Data items:
========================================================================

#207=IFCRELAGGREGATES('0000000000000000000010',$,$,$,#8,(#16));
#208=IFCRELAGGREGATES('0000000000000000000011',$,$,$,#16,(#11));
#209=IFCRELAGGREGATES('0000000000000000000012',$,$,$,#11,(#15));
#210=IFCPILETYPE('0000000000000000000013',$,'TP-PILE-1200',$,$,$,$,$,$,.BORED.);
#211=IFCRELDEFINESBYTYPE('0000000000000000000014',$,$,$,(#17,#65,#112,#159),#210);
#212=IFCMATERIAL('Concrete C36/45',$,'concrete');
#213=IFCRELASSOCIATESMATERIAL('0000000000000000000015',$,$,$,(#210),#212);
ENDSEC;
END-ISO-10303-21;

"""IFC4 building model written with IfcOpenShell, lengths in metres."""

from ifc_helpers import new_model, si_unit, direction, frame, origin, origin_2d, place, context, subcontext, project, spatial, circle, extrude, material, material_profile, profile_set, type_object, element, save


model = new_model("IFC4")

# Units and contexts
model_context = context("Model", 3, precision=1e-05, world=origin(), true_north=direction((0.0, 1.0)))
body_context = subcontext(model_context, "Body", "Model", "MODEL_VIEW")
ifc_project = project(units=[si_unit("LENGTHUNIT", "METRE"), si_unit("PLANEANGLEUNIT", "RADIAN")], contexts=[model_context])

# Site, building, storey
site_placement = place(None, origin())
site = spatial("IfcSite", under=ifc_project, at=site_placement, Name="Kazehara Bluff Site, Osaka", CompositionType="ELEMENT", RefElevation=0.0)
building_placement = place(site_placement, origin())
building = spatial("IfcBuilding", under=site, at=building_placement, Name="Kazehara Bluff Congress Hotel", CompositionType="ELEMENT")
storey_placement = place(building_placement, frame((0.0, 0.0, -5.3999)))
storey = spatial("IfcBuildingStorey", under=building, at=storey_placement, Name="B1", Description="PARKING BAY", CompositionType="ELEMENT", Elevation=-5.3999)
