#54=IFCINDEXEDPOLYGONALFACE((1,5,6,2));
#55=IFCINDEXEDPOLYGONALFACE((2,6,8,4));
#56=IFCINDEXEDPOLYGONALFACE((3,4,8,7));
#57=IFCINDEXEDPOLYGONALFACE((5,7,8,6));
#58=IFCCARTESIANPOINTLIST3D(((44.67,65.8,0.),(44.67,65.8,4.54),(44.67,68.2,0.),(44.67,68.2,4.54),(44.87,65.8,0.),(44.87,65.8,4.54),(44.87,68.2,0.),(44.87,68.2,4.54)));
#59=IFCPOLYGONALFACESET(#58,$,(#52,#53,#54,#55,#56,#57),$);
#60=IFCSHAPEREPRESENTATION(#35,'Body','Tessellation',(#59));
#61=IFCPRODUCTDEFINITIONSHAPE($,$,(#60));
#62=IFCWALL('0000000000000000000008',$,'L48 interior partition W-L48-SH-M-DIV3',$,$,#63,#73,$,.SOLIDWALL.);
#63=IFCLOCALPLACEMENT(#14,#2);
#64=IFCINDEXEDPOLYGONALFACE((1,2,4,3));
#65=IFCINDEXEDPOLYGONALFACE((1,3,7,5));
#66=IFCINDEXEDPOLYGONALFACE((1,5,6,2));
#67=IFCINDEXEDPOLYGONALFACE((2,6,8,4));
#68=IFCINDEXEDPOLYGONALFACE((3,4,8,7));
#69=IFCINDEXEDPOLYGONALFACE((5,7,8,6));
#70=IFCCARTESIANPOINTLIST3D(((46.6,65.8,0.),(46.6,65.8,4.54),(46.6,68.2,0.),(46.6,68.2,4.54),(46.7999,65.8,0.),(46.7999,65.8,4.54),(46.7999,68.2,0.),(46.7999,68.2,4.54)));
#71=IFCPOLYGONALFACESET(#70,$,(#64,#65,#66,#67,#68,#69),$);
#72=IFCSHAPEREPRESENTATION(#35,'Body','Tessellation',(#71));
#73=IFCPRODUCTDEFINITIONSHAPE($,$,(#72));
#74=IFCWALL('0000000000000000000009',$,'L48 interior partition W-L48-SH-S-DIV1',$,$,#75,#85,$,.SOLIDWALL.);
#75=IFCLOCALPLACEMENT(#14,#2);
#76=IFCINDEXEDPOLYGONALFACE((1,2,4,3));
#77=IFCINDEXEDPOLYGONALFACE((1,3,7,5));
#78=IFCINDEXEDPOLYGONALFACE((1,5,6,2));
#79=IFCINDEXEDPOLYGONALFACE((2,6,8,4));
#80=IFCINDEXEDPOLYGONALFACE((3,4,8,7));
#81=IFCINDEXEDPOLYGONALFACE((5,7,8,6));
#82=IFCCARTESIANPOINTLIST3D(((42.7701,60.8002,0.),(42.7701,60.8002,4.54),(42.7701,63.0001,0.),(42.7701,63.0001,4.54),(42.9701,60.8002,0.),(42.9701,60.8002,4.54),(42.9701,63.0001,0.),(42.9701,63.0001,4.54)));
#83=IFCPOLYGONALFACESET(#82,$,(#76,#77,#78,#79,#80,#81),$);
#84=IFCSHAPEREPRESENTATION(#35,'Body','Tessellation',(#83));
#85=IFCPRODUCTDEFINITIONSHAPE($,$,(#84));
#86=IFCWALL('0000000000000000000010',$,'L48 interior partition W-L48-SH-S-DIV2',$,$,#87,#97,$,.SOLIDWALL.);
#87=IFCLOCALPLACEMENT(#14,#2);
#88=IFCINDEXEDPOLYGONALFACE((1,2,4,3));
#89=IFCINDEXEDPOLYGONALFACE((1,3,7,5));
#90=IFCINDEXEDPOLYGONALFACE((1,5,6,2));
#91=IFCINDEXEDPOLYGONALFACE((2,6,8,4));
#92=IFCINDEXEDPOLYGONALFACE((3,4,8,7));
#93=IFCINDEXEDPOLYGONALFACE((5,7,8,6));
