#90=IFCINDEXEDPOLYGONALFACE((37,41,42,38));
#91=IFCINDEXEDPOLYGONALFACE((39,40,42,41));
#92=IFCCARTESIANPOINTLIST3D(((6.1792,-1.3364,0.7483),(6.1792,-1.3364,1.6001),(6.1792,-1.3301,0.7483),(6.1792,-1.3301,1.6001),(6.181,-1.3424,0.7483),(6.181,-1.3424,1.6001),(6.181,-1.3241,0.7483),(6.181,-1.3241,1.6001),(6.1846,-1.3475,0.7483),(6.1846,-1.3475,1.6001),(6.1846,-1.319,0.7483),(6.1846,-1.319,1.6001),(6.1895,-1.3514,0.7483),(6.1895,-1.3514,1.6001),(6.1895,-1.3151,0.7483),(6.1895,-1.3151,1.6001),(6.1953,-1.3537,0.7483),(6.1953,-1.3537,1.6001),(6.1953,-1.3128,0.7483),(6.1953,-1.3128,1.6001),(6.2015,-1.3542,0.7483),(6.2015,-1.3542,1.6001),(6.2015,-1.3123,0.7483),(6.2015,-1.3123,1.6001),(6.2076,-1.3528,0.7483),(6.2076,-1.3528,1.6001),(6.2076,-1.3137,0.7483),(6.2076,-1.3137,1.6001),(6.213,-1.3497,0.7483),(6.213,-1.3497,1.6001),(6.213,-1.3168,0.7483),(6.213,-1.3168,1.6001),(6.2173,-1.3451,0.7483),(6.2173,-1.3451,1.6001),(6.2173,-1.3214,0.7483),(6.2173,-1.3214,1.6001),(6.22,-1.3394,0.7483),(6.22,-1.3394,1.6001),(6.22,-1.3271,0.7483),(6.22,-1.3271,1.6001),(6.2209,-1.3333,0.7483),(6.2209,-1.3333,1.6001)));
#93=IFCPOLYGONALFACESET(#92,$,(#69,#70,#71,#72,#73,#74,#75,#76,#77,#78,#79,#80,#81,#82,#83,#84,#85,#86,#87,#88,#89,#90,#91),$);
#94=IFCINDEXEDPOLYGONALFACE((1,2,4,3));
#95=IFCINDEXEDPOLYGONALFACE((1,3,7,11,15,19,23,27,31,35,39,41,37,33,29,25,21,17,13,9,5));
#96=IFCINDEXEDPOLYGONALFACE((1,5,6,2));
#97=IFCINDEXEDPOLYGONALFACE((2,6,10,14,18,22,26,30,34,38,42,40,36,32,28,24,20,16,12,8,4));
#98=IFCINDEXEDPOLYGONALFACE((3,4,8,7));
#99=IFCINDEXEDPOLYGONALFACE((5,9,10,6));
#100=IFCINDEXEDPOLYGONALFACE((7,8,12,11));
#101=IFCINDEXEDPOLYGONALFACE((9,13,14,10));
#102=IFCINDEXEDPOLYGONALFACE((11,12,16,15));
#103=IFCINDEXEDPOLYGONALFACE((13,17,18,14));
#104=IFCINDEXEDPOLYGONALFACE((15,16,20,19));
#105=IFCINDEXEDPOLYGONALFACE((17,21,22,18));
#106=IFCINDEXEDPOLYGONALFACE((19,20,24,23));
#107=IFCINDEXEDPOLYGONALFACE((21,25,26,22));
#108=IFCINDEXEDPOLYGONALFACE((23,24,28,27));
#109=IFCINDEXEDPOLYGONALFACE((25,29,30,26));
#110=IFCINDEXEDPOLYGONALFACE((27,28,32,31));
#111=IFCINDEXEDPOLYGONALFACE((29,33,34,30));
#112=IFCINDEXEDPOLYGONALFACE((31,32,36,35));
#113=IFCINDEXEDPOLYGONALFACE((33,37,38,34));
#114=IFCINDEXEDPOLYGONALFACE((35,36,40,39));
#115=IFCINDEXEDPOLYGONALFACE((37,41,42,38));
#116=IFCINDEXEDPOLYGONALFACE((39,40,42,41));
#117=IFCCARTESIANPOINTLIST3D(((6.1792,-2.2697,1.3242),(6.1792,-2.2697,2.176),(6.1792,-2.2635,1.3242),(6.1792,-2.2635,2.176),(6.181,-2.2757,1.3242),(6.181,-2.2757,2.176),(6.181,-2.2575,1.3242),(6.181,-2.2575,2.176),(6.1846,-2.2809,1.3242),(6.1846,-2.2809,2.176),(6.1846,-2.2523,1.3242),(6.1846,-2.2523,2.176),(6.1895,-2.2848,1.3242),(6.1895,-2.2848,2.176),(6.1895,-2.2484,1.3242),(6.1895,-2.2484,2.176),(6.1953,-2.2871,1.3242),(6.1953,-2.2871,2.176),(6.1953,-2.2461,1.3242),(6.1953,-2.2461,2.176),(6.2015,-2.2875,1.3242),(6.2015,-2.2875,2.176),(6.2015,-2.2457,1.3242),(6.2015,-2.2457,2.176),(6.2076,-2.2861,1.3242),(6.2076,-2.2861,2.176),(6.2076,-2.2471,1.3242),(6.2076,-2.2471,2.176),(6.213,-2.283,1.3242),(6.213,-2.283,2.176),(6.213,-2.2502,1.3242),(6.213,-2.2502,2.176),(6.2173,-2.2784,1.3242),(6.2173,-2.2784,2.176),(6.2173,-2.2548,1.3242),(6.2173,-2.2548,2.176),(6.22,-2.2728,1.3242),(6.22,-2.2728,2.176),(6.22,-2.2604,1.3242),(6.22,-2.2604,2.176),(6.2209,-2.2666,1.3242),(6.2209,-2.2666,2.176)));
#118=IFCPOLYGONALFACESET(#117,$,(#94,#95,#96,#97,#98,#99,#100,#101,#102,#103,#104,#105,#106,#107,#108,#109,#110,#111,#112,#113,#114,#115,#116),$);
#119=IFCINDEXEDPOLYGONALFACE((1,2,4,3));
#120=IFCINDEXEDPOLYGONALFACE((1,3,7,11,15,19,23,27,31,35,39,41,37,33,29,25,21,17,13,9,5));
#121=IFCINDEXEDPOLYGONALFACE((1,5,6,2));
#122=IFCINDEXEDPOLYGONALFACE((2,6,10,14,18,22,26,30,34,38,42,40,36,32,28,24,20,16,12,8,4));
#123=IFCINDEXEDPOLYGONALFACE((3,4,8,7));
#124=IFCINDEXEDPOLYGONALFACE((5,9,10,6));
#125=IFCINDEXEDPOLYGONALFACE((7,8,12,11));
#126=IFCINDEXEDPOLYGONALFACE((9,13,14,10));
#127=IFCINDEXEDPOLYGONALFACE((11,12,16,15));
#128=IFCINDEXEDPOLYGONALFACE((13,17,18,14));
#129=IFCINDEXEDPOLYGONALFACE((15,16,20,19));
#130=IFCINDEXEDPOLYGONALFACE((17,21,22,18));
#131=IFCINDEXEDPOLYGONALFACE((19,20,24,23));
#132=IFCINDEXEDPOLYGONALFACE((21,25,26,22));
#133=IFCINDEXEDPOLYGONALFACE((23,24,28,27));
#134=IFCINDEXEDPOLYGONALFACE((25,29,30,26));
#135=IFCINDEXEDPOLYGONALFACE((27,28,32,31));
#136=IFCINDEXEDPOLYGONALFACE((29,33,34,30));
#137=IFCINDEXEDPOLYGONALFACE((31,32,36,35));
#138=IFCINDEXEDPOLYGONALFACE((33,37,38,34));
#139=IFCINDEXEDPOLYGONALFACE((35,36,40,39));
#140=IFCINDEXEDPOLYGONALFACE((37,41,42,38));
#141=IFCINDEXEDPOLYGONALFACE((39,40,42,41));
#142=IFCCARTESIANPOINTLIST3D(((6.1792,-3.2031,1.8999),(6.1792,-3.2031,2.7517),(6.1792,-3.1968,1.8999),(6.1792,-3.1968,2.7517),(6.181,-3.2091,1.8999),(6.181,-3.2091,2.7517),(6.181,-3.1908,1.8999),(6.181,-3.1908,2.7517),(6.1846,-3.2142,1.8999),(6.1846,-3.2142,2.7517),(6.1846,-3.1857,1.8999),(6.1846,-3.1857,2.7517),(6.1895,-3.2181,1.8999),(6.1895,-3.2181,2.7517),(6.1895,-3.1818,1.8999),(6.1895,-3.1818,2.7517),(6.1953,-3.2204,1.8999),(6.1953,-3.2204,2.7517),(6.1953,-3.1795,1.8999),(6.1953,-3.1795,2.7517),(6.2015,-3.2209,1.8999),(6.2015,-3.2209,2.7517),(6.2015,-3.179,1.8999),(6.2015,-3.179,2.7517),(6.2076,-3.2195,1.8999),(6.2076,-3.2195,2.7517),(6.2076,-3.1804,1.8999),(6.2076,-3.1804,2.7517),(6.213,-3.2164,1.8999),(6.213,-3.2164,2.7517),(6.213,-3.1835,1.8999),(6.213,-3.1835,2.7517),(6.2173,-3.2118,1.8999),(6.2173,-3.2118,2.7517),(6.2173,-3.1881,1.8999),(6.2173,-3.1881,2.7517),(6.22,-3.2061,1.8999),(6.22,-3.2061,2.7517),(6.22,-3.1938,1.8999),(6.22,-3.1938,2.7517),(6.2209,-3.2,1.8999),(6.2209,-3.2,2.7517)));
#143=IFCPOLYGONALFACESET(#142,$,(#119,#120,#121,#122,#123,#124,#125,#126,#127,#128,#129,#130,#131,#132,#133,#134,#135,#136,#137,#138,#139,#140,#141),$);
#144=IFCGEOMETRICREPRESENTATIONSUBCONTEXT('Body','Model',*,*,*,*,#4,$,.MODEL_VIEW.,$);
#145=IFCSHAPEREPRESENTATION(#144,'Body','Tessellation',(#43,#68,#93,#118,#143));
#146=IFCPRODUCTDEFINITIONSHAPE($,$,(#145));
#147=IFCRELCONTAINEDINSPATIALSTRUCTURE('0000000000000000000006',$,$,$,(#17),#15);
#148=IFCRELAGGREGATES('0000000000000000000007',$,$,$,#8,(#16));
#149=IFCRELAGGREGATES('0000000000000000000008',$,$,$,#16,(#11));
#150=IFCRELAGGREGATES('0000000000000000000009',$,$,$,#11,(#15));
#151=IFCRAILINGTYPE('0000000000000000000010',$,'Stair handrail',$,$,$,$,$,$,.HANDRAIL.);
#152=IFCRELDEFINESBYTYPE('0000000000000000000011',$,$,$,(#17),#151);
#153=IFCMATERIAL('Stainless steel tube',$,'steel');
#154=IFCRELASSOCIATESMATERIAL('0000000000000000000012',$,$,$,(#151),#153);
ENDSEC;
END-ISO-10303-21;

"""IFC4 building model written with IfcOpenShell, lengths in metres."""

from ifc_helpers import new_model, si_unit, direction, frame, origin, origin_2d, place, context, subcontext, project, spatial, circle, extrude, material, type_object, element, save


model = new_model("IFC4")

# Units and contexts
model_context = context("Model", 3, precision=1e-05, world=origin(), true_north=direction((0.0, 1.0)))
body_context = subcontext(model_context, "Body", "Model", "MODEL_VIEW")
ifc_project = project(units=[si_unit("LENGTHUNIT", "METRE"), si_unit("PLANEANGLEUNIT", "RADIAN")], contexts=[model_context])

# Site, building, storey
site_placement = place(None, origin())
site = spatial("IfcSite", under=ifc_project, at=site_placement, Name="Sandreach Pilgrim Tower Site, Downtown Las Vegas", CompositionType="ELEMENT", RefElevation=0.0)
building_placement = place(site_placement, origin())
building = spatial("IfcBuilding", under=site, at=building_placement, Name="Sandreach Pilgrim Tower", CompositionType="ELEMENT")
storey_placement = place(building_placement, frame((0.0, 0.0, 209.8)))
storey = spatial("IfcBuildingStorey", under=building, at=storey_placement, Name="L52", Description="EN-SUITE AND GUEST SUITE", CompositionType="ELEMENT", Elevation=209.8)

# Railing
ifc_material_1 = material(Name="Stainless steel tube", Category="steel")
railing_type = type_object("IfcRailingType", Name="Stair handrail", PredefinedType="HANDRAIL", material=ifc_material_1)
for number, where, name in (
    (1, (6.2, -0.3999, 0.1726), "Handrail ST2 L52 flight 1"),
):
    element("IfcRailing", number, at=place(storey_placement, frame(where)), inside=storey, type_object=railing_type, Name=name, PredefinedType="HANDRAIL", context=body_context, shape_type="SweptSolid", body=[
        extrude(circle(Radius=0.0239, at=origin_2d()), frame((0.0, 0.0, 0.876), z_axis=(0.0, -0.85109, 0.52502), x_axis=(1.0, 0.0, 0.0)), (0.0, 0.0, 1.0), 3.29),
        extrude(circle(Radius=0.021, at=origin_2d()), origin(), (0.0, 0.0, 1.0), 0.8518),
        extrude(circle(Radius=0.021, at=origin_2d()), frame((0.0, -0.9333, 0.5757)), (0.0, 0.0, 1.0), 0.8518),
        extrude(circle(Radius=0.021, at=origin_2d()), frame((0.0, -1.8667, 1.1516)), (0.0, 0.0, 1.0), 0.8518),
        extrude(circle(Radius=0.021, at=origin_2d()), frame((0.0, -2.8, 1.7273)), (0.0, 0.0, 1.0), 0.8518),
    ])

========================================================================

* What to do:
Take exactly the lines from the one containing "#63=IFCLOCALPLACEMENT(#14,#2);" through the one containing "#75=IFCLOCALPLACEMENT(#14,#2);" in the data above, and output them with nothing added.

* Response area:
#63=IFCLOCALPLACEMENT(#14,#2);
#64=IFCINDEXEDPOLYGONALFACE((1,2,4,3));
#65=IFCINDEXEDPOLYGONALFACE((1,3,7,5));
#66=IFCINDEXEDPOLYGONALFACE((1,5,6,2));
#67=IFCINDEXEDPOLYGONALFACE((2,6,8,4));
#68=IFCINDEXEDPOLYGONALFACE((3,4,8,7));
#69=IFCINDEXEDPOLYGONALFACE((5,7,8,6));
#70=IFCCARTESIANPOINTLIST3D(((46.6,65.8,0.),(46.6,65.8,4.54),(46.6,68.2,0.),(46.6,68.2,4.54),(46.7999,65.8,0.),(46.7999,65.8,4.54),(46.7999,68.2,0.),(46.7999,68.2,4.54)));
#71=IFCPOLYGONALFACESET(#70,$,(#64,#65,#66,#67,#68,#69),$);
#72=IFCSHAPEREPRESENTATION(#35,'Body','Tessellation',(#71));
#73=IFCPRODUCTDEFINITIONSHAPE($,$,(#72));
#74=IFCWALL('0000000000000000000009',$,'L48 interior partition W-L48-SH-S-DIV1',$,$,#75,#85,$,.SOLIDWALL.);
#75=IFCLOCALPLACEMENT(#14,#2);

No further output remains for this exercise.